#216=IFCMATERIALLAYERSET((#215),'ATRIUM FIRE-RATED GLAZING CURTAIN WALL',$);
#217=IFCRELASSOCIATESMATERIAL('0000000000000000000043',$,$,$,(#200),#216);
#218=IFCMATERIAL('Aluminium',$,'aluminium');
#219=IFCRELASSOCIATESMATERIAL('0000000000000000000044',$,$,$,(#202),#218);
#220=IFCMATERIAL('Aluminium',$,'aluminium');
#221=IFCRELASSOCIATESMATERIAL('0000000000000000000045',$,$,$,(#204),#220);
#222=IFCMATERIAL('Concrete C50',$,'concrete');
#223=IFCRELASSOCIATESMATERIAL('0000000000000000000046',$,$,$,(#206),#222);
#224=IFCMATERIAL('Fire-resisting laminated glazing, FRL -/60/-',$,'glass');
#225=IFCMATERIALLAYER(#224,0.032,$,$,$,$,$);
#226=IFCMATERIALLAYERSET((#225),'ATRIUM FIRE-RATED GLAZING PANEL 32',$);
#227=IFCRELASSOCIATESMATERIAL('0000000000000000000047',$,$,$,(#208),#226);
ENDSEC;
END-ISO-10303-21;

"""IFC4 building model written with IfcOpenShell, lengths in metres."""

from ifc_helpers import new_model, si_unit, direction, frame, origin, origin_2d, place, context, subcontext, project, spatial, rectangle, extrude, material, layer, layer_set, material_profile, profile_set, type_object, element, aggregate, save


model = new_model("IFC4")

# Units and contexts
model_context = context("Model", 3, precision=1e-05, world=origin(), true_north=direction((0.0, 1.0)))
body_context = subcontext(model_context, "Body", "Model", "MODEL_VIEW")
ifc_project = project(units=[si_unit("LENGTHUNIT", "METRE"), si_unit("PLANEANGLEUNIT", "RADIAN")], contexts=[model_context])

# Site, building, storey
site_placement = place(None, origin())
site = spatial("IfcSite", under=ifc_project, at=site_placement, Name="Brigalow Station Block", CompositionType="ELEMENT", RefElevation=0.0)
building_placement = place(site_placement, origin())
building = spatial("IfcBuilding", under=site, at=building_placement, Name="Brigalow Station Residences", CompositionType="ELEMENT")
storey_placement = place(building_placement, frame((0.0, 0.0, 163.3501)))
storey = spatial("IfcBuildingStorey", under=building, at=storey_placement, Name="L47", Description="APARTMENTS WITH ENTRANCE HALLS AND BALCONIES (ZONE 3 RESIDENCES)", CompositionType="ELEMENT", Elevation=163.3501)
──────────────────────────────
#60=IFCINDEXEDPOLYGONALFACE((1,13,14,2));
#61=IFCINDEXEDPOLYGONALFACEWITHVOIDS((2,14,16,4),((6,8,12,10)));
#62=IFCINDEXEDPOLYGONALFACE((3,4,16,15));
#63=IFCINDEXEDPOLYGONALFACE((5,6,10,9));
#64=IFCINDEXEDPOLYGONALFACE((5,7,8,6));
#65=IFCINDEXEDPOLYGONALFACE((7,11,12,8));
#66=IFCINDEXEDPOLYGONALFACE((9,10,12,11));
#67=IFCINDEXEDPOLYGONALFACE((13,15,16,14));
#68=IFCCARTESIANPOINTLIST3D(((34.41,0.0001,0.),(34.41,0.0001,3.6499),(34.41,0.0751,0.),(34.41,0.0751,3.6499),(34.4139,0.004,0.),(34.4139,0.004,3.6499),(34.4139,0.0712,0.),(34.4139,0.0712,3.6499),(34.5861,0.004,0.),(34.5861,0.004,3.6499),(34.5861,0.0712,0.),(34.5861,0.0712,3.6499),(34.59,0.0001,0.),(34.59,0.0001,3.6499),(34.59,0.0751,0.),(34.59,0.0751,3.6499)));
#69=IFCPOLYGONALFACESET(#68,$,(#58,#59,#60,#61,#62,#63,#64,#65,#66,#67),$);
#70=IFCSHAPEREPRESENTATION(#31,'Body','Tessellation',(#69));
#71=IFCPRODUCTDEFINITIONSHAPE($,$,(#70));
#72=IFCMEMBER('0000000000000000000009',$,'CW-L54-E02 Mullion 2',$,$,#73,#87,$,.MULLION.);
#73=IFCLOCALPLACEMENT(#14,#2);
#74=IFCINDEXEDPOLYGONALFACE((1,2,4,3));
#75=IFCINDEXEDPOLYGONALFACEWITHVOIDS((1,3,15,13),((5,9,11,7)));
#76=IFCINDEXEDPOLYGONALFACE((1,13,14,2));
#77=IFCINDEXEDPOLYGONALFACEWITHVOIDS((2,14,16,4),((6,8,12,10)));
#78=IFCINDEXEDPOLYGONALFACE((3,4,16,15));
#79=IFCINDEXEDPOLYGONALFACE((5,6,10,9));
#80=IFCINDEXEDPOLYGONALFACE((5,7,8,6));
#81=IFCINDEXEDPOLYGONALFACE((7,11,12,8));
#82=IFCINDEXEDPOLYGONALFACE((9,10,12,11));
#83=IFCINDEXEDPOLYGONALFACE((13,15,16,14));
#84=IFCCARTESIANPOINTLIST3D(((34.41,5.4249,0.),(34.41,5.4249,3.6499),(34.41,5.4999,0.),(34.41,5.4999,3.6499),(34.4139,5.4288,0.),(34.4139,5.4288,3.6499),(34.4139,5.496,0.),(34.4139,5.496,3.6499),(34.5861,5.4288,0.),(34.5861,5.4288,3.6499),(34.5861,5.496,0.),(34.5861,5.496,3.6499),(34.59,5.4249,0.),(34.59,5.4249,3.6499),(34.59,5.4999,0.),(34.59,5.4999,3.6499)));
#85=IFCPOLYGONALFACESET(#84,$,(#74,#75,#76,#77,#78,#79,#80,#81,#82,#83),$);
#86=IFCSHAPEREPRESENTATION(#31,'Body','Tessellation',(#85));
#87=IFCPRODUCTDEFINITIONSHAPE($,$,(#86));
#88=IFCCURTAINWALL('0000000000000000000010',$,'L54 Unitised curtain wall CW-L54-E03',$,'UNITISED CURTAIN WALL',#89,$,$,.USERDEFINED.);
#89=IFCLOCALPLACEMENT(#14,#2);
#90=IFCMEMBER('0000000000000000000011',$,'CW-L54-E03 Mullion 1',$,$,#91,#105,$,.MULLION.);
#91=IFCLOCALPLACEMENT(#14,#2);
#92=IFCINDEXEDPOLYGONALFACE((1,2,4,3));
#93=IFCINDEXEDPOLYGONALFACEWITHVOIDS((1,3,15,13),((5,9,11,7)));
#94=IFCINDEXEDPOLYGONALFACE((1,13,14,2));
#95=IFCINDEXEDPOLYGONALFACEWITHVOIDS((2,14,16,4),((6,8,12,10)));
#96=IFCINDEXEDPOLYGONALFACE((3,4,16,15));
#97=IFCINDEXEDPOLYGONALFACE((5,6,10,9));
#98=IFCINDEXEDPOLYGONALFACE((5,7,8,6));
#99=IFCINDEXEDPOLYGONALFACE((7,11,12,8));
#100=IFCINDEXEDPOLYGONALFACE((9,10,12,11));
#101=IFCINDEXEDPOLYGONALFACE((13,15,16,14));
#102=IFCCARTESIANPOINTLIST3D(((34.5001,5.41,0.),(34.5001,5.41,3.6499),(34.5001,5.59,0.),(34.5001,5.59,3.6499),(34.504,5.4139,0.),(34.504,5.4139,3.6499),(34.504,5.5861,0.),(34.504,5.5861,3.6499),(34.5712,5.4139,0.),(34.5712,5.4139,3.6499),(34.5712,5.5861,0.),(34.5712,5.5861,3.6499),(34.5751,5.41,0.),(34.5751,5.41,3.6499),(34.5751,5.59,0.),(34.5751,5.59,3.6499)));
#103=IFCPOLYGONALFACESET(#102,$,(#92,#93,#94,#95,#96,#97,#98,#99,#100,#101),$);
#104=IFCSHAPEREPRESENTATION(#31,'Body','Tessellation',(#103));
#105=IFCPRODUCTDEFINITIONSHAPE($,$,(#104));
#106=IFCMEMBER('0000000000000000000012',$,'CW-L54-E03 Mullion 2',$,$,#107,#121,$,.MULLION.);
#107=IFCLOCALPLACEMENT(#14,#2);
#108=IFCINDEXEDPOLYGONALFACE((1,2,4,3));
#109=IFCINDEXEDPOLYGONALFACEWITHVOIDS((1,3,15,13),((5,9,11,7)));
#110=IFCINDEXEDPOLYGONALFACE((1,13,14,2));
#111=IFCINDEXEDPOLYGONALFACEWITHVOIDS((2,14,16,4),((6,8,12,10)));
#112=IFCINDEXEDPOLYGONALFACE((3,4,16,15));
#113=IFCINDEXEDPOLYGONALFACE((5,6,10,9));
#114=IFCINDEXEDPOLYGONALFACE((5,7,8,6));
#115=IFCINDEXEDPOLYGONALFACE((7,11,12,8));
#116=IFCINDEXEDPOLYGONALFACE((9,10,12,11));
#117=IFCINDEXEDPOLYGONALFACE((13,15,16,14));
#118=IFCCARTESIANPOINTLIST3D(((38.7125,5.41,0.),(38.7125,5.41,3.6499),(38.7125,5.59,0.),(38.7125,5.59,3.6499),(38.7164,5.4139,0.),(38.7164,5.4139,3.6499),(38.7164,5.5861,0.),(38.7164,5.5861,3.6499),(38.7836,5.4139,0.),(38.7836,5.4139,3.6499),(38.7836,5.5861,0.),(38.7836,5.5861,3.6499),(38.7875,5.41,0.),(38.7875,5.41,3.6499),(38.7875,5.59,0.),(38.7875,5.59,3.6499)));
──────────────────────────────
The problem: The lines above, starting at the one with "#79=IFCINDEXEDPOLYGONALFACE((5,6,10,9));" and ending at the one with "#87=IFCPRODUCTDEFINITIONSHAPE($,$,(#86));", are the only ones to return, exactly as written.

Reply to the task:
#79=IFCINDEXEDPOLYGONALFACE((5,6,10,9));
#80=IFCINDEXEDPOLYGONALFACE((5,7,8,6));
#81=IFCINDEXEDPOLYGONALFACE((7,11,12,8));
#82=IFCINDEXEDPOLYGONALFACE((9,10,12,11));
#83=IFCINDEXEDPOLYGONALFACE((13,15,16,14));
#84=IFCCARTESIANPOINTLIST3D(((34.41,5.4249,0.),(34.41,5.4249,3.6499),(34.41,5.4999,0.),(34.41,5.4999,3.6499),(34.4139,5.4288,0.),(34.4139,5.4288,3.6499),(34.4139,5.496,0.),(34.4139,5.496,3.6499),(34.5861,5.4288,0.),(34.5861,5.4288,3.6499),(34.5861,5.496,0.),(34.5861,5.496,3.6499),(34.59,5.4249,0.),(34.59,5.4249,3.6499),(34.59,5.4999,0.),(34.59,5.4999,3.6499)));
#85=IFCPOLYGONALFACESET(#84,$,(#74,#75,#76,#77,#78,#79,#80,#81,#82,#83),$);
#86=IFCSHAPEREPRESENTATION(#31,'Body','Tessellation',(#85));
#87=IFCPRODUCTDEFINITIONSHAPE($,$,(#86));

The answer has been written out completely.